Exercise
Say how many lines in the entries hold the string "IFCPRODUCTDEFINITIONSHAPE", giving the number by itself.
- Opening Delimiter -
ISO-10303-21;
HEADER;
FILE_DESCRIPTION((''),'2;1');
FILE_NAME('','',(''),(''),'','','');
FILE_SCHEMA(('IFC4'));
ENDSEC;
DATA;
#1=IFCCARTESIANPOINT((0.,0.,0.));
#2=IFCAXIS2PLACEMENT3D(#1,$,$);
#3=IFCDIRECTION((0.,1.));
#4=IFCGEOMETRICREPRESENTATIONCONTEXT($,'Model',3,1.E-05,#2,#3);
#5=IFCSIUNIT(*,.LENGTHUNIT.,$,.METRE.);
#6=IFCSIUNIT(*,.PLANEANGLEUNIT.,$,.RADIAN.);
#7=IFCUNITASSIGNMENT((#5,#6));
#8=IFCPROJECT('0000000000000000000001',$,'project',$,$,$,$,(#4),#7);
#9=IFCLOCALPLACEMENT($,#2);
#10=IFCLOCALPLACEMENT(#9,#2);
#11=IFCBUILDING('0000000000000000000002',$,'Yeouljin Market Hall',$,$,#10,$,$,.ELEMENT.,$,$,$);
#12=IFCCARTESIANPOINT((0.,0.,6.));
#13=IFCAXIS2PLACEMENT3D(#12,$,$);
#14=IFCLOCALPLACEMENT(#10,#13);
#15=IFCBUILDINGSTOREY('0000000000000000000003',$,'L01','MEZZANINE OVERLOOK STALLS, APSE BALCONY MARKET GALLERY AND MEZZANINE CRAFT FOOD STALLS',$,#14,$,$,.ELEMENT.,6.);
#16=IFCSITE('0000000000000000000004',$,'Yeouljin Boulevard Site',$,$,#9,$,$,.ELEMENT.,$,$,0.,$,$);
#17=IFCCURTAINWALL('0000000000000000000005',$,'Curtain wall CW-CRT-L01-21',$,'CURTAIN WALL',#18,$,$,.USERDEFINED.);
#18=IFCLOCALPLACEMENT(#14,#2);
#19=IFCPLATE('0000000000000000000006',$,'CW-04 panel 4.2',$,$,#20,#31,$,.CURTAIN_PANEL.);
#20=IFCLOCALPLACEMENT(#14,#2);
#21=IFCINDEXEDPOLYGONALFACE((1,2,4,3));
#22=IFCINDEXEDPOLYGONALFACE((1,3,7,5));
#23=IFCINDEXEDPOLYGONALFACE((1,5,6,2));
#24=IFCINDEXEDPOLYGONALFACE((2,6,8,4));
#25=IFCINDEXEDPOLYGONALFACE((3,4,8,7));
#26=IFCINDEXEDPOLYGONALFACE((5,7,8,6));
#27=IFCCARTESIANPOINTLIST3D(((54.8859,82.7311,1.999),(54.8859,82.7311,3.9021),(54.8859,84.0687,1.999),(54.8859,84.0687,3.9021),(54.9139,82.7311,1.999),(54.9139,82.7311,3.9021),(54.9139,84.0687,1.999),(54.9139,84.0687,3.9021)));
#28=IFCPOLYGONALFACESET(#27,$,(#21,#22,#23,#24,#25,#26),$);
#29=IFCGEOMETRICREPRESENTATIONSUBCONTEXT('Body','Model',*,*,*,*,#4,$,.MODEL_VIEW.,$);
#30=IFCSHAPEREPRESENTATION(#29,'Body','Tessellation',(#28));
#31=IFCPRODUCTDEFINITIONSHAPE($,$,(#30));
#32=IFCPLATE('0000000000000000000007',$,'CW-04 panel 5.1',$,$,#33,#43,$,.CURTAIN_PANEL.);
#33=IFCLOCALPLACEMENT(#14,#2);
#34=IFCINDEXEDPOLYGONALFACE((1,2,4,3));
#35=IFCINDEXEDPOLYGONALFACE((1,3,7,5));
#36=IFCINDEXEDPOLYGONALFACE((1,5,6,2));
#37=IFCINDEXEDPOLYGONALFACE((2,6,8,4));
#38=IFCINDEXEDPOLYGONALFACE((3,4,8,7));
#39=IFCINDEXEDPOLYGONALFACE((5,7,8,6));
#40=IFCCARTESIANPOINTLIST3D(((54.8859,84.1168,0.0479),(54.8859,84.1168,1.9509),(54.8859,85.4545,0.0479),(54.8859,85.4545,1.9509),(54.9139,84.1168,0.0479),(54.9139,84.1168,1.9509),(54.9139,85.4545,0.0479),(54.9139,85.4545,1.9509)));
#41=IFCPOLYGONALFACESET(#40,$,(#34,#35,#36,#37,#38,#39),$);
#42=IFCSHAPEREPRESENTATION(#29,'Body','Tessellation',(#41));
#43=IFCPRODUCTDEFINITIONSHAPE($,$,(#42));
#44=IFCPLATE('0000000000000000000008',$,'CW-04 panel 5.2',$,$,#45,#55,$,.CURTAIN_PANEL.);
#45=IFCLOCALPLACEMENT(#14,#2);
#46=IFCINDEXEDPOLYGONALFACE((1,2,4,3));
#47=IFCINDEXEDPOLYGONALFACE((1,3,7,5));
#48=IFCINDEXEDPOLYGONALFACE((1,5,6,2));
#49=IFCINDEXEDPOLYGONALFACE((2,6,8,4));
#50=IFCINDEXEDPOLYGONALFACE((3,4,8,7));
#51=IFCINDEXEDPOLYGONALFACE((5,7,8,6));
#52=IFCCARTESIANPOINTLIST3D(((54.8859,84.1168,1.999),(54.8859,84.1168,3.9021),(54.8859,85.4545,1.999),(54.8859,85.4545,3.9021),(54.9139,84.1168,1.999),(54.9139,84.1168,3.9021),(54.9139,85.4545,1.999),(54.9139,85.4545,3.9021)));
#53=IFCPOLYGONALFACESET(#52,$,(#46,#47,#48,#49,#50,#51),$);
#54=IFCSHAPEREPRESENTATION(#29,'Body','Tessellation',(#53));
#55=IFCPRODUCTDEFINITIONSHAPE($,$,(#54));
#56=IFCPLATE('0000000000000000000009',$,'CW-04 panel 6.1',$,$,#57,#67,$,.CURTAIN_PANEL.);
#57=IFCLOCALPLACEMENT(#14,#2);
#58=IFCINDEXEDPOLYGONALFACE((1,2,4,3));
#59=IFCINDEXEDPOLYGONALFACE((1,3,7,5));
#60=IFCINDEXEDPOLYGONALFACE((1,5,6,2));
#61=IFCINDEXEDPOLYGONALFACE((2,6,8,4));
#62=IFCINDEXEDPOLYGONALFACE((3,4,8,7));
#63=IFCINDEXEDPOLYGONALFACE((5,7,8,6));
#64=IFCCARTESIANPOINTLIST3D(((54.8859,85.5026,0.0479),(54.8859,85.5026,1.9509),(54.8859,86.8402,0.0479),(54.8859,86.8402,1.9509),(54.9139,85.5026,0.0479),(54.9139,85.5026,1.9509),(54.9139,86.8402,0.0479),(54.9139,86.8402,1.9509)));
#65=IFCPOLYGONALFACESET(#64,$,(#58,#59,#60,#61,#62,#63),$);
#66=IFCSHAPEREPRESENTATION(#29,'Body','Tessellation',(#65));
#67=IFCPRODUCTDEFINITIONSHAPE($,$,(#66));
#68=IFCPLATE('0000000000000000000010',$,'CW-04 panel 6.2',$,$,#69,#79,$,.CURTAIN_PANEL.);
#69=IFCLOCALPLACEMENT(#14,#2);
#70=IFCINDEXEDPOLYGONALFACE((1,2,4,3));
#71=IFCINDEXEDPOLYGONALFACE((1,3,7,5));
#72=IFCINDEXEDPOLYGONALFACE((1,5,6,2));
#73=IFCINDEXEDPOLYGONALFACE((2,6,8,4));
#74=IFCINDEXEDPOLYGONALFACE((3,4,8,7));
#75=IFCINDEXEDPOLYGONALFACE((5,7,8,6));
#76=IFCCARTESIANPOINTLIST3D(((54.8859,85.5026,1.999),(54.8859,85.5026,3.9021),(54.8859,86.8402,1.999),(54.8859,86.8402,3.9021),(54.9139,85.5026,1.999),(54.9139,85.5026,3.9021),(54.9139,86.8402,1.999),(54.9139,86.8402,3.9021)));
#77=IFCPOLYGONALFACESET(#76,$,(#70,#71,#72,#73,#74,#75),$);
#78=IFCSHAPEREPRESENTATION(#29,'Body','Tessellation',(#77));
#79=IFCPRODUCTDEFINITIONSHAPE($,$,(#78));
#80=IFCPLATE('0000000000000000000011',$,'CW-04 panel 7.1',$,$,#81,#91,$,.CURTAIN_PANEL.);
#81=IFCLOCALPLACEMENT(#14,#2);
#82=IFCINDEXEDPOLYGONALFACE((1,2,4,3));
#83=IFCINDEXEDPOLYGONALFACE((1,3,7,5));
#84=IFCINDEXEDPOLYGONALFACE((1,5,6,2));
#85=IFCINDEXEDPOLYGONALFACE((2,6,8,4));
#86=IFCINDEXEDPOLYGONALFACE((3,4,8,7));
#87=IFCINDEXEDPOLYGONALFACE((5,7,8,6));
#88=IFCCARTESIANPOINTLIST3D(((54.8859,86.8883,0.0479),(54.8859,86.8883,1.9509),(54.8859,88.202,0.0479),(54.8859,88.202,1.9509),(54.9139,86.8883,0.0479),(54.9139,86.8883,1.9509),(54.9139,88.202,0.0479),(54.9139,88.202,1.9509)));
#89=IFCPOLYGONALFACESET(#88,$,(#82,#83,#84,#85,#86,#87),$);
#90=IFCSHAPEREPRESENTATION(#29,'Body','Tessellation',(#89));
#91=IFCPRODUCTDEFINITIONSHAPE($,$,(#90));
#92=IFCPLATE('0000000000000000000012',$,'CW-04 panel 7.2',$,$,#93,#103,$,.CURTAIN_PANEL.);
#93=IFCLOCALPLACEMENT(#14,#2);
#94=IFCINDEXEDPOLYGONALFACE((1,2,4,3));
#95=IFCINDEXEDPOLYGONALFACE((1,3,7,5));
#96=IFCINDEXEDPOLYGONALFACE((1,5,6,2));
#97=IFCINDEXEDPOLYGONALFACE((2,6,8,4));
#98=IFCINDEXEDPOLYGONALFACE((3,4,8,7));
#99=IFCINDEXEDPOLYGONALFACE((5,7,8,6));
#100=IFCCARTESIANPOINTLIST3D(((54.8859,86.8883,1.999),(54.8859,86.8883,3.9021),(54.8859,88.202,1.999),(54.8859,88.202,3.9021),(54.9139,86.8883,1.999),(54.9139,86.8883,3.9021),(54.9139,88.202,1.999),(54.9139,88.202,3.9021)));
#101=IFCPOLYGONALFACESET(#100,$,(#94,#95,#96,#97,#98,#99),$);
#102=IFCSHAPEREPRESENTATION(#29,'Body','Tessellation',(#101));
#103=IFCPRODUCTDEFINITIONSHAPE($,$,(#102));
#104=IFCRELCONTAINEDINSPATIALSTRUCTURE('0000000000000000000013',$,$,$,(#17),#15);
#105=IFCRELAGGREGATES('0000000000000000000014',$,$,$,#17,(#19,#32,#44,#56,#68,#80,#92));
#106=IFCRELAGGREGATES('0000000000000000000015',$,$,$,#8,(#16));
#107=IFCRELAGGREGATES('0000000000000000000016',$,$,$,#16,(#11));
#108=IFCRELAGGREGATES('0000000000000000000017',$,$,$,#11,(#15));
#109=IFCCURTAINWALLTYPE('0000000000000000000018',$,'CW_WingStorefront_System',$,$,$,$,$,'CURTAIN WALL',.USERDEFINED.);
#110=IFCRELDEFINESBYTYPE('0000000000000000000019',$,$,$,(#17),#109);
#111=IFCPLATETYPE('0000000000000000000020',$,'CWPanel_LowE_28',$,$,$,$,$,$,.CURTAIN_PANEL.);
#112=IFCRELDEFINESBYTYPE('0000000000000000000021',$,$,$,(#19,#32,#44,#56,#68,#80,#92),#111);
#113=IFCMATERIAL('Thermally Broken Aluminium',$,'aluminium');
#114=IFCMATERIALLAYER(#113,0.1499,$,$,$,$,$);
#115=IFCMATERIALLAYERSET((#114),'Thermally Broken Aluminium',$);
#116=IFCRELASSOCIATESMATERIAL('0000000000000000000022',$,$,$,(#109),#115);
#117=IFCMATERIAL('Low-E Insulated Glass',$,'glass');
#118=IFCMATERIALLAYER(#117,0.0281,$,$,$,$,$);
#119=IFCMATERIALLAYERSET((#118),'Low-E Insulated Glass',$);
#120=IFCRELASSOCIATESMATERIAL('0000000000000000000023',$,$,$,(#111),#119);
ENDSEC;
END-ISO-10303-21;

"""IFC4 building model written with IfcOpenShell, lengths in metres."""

from ifc_helpers import new_model, si_unit, direction, frame, origin, origin_2d, place, context, subcontext, project, spatial, rectangle, extrude, material, layer, layer_set, type_object, element, aggregate, save


model = new_model("IFC4")

# Units and contexts
model_context = context("Model", 3, precision=1e-05, world=origin(), true_north=direction((0.0, 1.0)))
body_context = subcontext(model_context, "Body", "Model", "MODEL_VIEW")
ifc_project = project(units=[si_unit("LENGTHUNIT", "METRE"), si_unit("PLANEANGLEUNIT", "RADIAN")], contexts=[model_context])

# Site, building, storey
site_placement = place(None, origin())
site = spatial("IfcSite", under=ifc_project, at=site_placement, Name="Yeouljin Boulevard Site", CompositionType="ELEMENT", RefElevation=0.0)
building_placement = place(site_placement, origin())
building = spatial("IfcBuilding", under=site, at=building_placement, Name="Yeouljin Market Hall", CompositionType="ELEMENT")
storey_placement = place(building_placement, frame((0.0, 0.0, 6.0)))
storey = spatial("IfcBuildingStorey", under=building, at=storey_placement, Name="L01", Description="MEZZANINE OVERLOOK STALLS, APSE BALCONY MARKET GALLERY AND MEZZANINE CRAFT FOOD STALLS", CompositionType="ELEMENT", Elevation=6.0)

# Curtain wall
ifc_material_1 = material(Name="Thermally Broken Aluminium", Category="aluminium")
ifc_layer_1 = layer(ifc_material_1, 0.1499)
ifc_layer_set_1 = layer_set([ifc_layer_1], Name="Thermally Broken Aluminium")
curtain_wall_type = type_object("IfcCurtainWallType", Name="CW_WingStorefront_System", ElementType="CURTAIN WALL", PredefinedType="USERDEFINED", material=ifc_layer_set_1)
curtain_wall_placement = place(storey_placement, origin())
curtain_wall = element("IfcCurtainWall", 1, at=curtain_wall_placement, inside=storey, type_object=curtain_wall_type, Name="Curtain wall CW-CRT-L01-21", ObjectType="CURTAIN WALL", PredefinedType="USERDEFINED")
- Closing Delimiter -
Solution to this problem
7